:: Work to complete ::
Of the lines in the data below, write out exactly those from the one holding "partition 160 mm',$,$,$,$,$,.PARTITIONING.);" through the one holding "#112=IFCMATERIALLAYERSET((#111),'Precast concrete B50", both included.

:: Records ::
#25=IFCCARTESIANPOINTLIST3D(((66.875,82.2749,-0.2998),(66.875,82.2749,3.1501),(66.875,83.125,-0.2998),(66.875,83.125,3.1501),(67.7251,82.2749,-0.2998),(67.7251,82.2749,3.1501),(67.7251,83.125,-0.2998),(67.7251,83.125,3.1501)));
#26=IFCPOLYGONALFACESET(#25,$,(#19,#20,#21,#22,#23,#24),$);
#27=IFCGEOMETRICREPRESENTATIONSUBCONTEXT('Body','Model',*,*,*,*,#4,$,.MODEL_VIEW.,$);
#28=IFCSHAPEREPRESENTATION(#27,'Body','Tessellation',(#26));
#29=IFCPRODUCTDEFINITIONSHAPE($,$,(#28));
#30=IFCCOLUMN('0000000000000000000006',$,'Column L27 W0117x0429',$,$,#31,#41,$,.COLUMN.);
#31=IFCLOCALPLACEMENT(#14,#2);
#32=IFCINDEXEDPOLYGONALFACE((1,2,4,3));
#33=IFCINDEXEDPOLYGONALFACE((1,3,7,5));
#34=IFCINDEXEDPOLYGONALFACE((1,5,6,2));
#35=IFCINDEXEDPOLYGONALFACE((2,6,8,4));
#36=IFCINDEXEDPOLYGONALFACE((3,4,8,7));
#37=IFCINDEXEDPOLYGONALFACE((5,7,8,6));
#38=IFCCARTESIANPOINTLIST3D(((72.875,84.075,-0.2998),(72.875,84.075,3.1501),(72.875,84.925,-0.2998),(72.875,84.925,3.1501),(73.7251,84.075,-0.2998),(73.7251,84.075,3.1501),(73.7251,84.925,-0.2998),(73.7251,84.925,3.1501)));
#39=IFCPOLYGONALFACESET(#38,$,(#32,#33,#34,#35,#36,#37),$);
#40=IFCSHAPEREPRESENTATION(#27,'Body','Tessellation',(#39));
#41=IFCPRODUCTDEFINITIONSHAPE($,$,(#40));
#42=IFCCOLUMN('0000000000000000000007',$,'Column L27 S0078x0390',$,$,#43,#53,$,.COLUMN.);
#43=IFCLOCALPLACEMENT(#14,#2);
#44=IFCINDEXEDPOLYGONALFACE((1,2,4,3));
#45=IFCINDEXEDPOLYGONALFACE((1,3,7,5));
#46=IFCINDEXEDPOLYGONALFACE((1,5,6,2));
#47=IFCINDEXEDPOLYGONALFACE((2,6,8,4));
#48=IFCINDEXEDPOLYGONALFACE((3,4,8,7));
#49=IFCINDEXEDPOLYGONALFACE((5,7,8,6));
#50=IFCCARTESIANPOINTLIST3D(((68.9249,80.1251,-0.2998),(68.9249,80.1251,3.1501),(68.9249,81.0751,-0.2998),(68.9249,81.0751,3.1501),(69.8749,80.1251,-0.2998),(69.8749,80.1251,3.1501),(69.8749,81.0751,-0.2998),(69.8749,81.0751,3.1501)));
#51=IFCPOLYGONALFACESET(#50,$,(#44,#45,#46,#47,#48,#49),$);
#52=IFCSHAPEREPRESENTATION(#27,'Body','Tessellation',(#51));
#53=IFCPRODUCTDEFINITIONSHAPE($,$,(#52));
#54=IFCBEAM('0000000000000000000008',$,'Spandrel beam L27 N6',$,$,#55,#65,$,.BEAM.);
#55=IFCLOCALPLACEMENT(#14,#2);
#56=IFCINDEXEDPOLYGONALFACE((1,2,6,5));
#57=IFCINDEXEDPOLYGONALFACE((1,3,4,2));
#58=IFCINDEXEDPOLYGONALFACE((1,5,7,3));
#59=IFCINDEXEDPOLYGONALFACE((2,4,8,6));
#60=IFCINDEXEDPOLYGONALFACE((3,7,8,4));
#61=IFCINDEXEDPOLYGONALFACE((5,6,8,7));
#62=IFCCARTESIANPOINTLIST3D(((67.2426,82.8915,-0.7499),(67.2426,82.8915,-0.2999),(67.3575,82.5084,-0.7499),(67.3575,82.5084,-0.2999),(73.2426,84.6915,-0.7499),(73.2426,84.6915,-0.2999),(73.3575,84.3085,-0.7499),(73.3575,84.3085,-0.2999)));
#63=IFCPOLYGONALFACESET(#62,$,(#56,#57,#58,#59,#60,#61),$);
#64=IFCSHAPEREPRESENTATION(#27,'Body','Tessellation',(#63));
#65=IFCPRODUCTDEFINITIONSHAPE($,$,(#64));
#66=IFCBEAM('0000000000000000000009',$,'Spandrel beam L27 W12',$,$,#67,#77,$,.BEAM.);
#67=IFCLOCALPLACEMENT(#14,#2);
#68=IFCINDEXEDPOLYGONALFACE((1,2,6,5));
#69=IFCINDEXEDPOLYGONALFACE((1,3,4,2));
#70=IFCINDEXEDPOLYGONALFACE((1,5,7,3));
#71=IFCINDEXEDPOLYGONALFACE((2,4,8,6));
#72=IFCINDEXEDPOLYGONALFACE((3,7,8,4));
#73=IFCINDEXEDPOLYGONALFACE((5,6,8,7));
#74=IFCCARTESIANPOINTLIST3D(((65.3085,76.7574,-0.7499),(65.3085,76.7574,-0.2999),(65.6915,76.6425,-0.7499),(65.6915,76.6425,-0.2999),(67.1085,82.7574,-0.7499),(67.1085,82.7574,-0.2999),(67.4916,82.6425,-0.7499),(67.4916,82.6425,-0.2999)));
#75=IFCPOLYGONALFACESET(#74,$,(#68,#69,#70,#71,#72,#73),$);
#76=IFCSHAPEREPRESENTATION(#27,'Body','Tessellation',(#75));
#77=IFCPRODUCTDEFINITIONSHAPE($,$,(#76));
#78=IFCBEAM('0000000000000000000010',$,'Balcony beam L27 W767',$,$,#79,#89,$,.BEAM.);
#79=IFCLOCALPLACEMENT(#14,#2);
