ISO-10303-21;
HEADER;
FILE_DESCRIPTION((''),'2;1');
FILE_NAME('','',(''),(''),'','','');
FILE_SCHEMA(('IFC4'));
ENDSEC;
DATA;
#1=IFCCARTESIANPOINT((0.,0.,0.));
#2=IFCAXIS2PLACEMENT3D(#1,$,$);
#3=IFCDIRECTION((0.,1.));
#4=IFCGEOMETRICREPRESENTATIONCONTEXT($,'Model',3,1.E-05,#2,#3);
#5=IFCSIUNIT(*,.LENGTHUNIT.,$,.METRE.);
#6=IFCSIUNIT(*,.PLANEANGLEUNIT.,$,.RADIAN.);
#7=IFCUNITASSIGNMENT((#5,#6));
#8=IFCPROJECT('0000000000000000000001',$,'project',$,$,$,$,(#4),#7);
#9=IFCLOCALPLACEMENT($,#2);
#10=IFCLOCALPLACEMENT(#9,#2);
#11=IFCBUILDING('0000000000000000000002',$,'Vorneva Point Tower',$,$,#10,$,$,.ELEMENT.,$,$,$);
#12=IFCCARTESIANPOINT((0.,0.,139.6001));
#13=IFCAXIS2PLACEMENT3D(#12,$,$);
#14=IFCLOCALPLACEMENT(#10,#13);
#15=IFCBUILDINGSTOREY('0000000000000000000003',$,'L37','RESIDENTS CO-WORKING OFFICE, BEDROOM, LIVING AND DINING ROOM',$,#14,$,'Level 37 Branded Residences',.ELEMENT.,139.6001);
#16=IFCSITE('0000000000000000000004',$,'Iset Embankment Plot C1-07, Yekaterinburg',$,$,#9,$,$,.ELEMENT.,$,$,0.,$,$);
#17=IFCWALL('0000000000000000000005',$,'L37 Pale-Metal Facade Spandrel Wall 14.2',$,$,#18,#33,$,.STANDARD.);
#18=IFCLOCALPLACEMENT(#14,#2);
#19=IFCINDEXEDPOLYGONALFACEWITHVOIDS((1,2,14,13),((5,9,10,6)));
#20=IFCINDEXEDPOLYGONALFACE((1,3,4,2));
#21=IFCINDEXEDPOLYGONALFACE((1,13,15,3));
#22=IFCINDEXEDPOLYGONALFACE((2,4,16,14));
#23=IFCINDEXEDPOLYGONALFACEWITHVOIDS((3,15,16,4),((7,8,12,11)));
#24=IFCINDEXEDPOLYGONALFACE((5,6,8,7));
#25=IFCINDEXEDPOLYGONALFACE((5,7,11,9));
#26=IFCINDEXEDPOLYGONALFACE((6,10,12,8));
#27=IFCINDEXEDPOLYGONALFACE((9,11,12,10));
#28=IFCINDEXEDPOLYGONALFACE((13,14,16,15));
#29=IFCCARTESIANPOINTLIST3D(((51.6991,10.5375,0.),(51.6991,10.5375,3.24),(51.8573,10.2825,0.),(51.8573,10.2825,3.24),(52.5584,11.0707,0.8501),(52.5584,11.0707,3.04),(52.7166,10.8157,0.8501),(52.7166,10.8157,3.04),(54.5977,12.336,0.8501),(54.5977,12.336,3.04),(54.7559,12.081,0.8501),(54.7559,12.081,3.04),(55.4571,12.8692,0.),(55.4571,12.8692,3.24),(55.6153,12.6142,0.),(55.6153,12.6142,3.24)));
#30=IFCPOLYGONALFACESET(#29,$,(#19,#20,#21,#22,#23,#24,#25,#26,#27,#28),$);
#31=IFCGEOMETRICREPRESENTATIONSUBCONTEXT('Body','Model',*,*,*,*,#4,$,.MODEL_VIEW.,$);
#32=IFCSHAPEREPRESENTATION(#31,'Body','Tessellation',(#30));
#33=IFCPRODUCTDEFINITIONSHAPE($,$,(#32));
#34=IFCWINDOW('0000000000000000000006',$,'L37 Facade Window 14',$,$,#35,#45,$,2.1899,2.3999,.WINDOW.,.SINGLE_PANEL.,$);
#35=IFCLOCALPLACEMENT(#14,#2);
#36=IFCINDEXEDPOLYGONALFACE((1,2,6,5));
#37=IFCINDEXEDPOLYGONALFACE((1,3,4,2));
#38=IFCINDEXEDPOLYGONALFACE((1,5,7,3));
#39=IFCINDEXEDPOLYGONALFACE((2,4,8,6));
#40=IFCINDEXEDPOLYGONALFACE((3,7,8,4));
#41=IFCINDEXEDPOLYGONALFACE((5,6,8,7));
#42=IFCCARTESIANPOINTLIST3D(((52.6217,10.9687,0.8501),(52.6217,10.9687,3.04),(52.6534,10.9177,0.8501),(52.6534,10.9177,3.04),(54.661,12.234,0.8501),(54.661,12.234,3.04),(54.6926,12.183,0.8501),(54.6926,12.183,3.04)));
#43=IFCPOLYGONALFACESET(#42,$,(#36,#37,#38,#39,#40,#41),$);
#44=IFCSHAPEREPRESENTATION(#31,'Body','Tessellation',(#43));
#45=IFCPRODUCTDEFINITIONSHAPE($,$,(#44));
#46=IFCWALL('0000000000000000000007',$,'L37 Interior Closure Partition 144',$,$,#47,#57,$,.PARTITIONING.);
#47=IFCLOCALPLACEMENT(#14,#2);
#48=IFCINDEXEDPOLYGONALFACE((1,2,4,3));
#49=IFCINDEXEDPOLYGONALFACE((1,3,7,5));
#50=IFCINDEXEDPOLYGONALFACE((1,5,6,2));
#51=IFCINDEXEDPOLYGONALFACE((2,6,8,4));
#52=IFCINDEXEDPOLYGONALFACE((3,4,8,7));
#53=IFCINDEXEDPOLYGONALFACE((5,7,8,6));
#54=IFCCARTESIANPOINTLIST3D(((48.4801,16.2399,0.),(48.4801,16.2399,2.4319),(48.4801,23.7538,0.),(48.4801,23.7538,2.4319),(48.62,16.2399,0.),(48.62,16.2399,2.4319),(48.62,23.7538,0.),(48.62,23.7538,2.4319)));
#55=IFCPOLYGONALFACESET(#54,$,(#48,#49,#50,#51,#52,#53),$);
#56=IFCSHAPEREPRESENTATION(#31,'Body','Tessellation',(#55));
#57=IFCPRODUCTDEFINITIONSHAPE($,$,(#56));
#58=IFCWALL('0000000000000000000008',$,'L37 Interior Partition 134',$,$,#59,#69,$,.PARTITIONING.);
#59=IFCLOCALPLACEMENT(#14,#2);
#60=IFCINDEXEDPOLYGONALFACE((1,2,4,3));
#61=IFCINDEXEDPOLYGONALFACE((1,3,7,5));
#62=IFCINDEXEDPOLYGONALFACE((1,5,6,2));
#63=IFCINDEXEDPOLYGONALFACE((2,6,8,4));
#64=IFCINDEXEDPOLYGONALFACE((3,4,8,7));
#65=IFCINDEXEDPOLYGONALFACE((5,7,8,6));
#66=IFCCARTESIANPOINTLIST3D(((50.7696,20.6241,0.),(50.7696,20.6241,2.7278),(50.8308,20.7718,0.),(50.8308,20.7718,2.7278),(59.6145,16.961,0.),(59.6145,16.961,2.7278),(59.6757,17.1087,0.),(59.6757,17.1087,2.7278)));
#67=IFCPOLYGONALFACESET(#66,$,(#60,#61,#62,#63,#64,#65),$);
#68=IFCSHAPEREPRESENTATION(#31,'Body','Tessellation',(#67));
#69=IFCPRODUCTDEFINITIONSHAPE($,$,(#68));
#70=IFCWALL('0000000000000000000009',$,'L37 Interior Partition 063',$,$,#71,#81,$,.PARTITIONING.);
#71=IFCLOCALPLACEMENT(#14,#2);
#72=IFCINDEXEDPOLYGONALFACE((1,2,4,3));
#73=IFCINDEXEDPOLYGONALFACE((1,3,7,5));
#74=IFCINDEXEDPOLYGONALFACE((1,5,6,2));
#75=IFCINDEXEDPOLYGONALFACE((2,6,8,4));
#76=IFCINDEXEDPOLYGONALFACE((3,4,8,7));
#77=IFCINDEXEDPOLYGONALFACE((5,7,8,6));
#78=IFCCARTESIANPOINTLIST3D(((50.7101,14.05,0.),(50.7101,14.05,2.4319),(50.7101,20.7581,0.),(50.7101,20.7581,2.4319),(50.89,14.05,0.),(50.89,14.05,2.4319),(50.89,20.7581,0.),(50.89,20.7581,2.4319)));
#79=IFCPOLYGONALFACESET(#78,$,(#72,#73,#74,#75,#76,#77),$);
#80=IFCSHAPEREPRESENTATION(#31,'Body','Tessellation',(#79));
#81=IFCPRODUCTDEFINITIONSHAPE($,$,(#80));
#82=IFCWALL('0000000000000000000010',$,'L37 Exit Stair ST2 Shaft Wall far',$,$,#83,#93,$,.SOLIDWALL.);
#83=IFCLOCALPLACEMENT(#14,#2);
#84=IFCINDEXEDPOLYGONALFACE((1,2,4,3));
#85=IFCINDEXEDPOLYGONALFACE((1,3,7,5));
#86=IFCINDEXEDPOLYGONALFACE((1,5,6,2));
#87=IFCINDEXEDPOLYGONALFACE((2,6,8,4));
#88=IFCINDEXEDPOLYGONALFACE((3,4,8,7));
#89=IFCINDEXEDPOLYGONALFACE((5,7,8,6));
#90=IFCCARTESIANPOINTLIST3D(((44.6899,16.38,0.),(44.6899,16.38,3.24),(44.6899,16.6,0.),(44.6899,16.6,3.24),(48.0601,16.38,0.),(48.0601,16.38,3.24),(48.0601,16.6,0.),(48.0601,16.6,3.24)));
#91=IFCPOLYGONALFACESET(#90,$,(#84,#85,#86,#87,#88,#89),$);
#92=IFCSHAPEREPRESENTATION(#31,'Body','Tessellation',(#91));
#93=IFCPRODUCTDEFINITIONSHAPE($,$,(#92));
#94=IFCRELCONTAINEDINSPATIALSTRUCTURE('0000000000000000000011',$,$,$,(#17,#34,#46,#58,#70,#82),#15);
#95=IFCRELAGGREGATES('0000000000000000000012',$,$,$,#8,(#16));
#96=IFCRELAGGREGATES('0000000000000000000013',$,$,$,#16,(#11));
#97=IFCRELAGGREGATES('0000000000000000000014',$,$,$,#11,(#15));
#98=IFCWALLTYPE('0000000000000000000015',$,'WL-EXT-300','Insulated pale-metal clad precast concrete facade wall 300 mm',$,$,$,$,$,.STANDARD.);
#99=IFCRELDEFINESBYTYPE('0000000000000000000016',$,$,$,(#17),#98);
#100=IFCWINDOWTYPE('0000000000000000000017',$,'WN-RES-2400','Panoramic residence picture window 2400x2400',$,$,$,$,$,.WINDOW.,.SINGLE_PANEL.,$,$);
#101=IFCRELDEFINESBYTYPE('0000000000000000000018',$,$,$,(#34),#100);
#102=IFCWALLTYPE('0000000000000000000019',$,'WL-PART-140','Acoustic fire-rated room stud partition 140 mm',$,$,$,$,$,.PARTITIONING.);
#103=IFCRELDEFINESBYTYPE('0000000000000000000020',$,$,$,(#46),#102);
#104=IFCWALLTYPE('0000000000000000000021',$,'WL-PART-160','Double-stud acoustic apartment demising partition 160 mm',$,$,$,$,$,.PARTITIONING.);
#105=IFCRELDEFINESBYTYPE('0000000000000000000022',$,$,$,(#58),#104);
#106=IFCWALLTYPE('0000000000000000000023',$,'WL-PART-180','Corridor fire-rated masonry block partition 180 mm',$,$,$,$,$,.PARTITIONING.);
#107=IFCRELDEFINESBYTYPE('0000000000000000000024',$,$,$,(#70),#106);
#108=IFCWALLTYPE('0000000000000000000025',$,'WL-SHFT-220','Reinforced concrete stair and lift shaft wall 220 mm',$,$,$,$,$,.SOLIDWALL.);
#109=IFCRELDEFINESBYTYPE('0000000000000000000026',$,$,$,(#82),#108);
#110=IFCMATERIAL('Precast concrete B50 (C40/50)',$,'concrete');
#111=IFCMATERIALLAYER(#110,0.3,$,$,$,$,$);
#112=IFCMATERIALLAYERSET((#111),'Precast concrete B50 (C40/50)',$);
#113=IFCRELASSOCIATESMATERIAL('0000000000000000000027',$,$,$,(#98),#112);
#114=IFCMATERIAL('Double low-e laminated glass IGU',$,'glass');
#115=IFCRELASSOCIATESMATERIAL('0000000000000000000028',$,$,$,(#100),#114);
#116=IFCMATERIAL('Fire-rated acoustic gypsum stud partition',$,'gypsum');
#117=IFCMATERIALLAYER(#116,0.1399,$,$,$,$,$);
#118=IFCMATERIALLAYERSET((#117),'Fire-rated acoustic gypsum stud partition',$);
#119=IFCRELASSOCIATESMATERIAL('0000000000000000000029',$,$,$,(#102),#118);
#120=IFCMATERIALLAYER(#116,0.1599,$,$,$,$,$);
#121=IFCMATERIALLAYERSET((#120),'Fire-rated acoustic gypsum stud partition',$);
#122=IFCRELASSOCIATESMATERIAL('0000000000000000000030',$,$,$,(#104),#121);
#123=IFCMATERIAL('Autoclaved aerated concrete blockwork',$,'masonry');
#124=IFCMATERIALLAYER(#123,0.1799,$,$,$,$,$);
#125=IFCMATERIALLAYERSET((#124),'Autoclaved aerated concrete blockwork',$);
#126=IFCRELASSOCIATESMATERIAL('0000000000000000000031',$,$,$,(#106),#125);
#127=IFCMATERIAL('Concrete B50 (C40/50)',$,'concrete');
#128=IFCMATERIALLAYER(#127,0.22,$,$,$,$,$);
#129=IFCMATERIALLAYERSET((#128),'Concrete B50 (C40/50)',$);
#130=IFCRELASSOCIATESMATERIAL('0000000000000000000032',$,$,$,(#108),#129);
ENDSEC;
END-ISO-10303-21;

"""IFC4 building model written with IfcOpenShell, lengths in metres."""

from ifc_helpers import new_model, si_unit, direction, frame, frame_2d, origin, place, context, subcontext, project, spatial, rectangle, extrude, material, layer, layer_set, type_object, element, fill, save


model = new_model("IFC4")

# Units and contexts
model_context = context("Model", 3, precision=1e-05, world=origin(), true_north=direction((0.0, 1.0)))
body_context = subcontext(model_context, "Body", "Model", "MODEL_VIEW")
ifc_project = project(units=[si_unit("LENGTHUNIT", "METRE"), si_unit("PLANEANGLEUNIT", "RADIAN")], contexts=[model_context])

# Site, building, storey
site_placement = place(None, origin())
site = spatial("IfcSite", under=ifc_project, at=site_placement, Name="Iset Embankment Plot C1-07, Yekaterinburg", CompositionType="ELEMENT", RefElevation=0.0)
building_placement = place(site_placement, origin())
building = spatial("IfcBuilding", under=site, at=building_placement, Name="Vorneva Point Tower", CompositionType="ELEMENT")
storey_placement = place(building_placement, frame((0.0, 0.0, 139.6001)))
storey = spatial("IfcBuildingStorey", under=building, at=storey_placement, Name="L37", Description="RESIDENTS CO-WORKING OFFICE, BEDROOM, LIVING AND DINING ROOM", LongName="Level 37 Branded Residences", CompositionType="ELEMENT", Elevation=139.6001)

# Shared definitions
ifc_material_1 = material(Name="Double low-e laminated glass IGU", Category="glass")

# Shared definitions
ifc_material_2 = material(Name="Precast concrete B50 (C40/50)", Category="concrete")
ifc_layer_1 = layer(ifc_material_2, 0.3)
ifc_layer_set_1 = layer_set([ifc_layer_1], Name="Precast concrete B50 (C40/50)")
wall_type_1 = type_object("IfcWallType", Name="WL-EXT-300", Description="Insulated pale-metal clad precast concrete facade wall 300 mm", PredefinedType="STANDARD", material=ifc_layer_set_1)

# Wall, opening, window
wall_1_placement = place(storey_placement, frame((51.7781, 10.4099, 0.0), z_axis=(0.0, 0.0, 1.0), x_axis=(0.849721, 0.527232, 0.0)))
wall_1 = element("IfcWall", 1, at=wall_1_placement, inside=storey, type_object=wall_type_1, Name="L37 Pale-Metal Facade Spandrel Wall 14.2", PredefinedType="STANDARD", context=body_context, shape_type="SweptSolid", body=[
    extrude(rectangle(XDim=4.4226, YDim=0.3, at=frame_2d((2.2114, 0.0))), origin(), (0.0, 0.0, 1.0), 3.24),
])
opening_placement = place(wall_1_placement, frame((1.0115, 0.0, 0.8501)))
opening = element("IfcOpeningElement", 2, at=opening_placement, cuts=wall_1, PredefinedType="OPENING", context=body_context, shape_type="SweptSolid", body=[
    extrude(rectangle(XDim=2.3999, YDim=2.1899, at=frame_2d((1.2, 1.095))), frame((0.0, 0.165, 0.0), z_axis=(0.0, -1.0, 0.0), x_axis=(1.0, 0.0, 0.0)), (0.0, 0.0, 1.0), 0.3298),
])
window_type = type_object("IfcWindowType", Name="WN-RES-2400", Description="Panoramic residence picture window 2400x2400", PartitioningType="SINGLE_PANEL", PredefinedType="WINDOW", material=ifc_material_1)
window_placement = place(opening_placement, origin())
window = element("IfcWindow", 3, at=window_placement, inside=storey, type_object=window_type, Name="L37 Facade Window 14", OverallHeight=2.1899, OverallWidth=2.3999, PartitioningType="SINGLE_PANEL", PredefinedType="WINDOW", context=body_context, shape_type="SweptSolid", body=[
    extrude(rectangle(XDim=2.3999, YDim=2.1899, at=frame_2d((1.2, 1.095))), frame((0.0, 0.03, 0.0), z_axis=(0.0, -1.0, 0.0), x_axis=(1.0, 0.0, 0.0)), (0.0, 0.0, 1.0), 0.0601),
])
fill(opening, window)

:: Output for this task ::
#104=IFCWALLTYPE('0000000000000000000021',$,'WL-PART-160','Double-stud acoustic apartment demising partition 160 mm',$,$,$,$,$,.PARTITIONING.);
#105=IFCRELDEFINESBYTYPE('0000000000000000000022',$,$,$,(#58),#104);
#106=IFCWALLTYPE('0000000000000000000023',$,'WL-PART-180','Corridor fire-rated masonry block partition 180 mm',$,$,$,$,$,.PARTITIONING.);
#107=IFCRELDEFINESBYTYPE('0000000000000000000024',$,$,$,(#70),#106);
#108=IFCWALLTYPE('0000000000000000000025',$,'WL-SHFT-220','Reinforced concrete stair and lift shaft wall 220 mm',$,$,$,$,$,.SOLIDWALL.);
#109=IFCRELDEFINESBYTYPE('0000000000000000000026',$,$,$,(#82),#108);
#110=IFCMATERIAL('Precast concrete B50 (C40/50)',$,'concrete');
#111=IFCMATERIALLAYER(#110,0.3,$,$,$,$,$);
#112=IFCMATERIALLAYERSET((#111),'Precast concrete B50 (C40/50)',$);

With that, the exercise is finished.